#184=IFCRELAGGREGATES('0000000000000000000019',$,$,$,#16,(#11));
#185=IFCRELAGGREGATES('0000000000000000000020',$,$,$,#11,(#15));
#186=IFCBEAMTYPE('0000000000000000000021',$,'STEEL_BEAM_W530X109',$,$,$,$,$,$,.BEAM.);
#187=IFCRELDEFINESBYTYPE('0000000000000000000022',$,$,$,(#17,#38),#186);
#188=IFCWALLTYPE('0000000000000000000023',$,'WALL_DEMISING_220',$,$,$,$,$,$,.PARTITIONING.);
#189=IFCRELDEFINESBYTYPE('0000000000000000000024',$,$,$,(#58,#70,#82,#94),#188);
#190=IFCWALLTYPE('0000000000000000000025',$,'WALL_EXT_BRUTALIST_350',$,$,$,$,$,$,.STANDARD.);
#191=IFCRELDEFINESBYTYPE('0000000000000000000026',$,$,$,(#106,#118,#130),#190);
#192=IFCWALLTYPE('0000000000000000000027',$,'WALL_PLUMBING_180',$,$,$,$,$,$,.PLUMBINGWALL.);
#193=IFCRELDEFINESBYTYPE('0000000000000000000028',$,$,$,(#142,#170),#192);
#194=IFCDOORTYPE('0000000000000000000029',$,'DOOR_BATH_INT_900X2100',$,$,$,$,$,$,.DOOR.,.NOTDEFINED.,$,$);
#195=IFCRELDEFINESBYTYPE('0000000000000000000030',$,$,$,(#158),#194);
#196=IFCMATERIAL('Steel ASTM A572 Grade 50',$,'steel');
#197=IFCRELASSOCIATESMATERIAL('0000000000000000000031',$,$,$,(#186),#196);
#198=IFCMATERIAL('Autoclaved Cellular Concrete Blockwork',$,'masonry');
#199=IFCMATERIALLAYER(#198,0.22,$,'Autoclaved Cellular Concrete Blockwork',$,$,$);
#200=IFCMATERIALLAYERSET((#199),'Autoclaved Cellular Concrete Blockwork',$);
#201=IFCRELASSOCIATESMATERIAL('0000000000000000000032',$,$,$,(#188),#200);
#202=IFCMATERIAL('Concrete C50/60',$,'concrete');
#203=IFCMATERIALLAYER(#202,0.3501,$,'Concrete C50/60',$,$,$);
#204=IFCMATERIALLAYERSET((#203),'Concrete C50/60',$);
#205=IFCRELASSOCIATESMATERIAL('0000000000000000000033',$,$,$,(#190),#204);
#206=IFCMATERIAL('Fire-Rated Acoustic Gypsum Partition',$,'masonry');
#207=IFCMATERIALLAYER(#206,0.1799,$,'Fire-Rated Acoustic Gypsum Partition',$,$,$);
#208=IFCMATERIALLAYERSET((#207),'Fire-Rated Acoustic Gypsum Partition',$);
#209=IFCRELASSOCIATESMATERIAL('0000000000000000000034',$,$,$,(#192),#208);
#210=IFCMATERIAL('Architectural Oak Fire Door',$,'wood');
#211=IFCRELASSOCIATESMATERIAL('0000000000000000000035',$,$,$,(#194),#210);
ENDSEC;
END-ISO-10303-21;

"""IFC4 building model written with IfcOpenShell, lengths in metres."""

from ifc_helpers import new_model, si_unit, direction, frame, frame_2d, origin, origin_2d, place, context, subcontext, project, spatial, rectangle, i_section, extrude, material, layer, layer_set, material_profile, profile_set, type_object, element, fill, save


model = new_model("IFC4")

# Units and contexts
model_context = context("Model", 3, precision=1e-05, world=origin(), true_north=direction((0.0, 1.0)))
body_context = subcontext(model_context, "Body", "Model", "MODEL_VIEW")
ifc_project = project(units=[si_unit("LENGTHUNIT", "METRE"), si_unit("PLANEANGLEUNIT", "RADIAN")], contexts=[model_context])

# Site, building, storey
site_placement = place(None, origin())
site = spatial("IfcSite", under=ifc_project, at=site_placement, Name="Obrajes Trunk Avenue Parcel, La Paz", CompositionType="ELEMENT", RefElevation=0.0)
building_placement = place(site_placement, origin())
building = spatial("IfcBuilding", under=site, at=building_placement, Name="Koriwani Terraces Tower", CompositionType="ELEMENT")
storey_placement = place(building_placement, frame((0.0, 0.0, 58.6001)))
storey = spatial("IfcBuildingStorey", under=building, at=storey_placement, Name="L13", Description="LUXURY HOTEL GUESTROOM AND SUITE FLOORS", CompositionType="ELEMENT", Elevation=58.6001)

◇ ◇ ◇ ◇ ◇ ◇ ◇

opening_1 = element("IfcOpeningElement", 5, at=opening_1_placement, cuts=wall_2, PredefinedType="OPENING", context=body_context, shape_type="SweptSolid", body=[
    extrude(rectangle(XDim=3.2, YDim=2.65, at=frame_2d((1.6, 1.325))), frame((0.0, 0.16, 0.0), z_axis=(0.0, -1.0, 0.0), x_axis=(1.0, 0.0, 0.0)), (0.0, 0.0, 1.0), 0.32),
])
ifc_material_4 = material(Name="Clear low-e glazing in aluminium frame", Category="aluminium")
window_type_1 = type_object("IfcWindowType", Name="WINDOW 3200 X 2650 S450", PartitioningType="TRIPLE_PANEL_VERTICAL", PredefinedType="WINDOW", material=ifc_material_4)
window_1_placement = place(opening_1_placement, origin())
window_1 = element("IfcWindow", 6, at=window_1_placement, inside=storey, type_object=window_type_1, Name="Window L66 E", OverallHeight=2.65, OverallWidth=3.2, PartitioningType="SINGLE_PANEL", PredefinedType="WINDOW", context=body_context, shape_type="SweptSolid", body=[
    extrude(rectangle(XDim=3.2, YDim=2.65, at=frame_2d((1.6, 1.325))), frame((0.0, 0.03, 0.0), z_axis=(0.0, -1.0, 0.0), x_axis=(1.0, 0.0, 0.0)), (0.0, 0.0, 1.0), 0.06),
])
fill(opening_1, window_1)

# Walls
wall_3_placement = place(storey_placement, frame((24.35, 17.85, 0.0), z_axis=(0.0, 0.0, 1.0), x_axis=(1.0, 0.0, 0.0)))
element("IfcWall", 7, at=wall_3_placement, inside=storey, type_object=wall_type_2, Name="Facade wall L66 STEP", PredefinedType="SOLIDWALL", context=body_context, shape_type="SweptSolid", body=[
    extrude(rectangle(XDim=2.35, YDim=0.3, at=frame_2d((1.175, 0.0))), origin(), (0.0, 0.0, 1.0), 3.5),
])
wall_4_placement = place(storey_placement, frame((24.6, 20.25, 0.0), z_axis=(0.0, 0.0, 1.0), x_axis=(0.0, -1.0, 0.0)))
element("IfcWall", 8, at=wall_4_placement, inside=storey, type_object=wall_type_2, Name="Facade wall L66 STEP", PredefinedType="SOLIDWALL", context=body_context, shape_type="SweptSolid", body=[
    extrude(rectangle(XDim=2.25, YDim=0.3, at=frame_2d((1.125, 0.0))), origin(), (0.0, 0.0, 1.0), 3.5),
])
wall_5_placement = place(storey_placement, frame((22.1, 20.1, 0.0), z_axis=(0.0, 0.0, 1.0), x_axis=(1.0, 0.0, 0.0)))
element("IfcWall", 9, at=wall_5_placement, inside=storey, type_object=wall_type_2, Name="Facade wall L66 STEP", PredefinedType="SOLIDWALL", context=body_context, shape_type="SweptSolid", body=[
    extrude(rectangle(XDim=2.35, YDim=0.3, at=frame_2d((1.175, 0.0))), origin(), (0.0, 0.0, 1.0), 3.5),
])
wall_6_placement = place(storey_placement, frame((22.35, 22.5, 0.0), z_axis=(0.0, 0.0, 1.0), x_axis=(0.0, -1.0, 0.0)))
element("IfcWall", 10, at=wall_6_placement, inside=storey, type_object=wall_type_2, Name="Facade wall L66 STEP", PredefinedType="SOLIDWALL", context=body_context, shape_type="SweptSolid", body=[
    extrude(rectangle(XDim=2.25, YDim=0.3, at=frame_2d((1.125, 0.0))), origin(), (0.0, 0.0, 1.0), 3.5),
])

◇ ◇ ◇ ◇ ◇ ◇ ◇

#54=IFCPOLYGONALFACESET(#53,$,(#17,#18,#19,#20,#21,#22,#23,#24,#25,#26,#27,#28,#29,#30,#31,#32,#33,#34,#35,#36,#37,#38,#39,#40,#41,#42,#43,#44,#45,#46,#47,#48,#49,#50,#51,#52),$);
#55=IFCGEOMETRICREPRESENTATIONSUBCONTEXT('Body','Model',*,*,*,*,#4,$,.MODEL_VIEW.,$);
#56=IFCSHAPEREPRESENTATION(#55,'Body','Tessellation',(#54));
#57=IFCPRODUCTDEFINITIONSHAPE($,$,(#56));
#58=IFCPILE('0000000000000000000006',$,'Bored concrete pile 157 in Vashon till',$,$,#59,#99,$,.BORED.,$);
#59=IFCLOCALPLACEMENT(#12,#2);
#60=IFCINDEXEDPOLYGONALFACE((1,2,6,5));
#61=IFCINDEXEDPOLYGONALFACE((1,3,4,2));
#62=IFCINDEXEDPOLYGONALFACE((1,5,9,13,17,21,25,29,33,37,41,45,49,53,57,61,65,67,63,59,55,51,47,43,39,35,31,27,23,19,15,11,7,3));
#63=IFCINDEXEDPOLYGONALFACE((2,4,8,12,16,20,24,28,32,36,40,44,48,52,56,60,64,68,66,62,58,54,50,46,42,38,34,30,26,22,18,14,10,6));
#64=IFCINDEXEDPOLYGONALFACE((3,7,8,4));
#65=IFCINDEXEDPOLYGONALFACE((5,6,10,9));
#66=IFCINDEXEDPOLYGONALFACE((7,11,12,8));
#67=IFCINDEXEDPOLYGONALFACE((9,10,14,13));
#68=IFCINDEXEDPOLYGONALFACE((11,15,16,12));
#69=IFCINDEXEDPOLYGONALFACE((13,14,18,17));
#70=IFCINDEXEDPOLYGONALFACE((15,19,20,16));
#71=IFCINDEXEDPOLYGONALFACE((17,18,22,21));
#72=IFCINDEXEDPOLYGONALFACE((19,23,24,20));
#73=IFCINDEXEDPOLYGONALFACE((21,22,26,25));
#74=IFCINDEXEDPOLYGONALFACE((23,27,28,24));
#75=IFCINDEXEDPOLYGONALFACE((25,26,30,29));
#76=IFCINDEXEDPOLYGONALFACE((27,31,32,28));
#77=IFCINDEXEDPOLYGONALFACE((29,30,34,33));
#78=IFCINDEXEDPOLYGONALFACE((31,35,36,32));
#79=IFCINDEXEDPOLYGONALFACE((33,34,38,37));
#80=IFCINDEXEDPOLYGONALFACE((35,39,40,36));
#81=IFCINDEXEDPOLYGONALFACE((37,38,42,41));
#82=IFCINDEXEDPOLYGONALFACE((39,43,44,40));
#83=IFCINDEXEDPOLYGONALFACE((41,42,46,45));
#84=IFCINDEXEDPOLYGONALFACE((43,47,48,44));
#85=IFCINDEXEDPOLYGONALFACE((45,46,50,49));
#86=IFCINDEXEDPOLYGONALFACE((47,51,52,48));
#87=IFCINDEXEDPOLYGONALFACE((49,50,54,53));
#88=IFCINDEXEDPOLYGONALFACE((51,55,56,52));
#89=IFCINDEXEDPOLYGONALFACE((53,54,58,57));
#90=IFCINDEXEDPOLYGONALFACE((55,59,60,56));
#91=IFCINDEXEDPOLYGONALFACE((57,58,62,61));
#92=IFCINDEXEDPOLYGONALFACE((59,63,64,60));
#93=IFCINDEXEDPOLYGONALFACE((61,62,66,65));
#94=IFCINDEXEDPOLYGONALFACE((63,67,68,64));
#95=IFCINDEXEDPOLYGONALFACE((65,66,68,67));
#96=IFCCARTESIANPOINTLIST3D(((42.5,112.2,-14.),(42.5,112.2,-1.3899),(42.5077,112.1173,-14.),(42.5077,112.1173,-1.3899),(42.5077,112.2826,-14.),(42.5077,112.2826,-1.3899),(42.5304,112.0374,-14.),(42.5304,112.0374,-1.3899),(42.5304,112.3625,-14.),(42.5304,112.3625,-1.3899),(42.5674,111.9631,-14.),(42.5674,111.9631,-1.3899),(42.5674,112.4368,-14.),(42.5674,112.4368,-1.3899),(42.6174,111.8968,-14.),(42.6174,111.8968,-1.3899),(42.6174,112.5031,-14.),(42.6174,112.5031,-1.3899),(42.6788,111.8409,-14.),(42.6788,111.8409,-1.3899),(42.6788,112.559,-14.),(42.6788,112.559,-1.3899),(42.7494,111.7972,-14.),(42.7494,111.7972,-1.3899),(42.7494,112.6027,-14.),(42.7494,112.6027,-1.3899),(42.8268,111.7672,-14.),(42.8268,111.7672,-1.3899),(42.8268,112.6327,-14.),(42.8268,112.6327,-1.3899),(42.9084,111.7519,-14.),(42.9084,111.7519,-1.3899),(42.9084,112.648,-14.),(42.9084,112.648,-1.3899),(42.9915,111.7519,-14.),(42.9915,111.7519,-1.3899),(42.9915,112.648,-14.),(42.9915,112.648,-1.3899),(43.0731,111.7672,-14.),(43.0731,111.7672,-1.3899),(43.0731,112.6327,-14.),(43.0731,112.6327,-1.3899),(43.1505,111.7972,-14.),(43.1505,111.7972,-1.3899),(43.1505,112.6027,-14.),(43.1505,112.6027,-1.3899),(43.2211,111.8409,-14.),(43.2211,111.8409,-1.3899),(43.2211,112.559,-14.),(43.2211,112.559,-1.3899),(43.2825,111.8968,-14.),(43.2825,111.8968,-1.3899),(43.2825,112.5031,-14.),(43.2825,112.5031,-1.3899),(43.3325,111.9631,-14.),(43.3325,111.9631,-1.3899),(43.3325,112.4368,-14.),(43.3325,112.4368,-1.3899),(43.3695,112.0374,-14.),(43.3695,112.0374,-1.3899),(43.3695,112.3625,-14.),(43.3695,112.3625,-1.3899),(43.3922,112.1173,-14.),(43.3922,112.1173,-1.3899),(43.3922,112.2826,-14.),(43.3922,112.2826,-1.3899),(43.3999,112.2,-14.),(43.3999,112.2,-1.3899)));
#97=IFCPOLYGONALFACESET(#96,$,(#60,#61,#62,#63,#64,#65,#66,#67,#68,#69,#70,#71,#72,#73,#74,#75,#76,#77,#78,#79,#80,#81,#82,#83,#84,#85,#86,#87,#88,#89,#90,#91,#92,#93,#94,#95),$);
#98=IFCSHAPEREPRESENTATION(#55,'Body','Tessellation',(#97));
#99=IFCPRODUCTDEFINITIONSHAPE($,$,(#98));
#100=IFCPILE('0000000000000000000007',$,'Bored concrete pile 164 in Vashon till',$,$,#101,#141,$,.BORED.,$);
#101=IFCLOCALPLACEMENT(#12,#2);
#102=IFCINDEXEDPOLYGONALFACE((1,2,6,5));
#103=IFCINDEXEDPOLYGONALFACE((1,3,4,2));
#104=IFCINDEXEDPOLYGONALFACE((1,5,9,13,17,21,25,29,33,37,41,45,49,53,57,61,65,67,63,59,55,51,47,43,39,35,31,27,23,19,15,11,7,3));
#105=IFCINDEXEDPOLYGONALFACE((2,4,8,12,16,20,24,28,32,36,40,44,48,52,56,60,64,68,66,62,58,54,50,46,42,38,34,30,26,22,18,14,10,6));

◇ ◇ ◇ ◇ ◇ ◇ ◇

What you are asked to do —
List, from the entries above, every line in which the word "Cellular" shows up.

Response —
#198=IFCMATERIAL('Autoclaved Cellular Concrete Blockwork',$,'masonry');
#199=IFCMATERIALLAYER(#198,0.22,$,'Autoclaved Cellular Concrete Blockwork',$,$,$);
#200=IFCMATERIALLAYERSET((#199),'Autoclaved Cellular Concrete Blockwork',$);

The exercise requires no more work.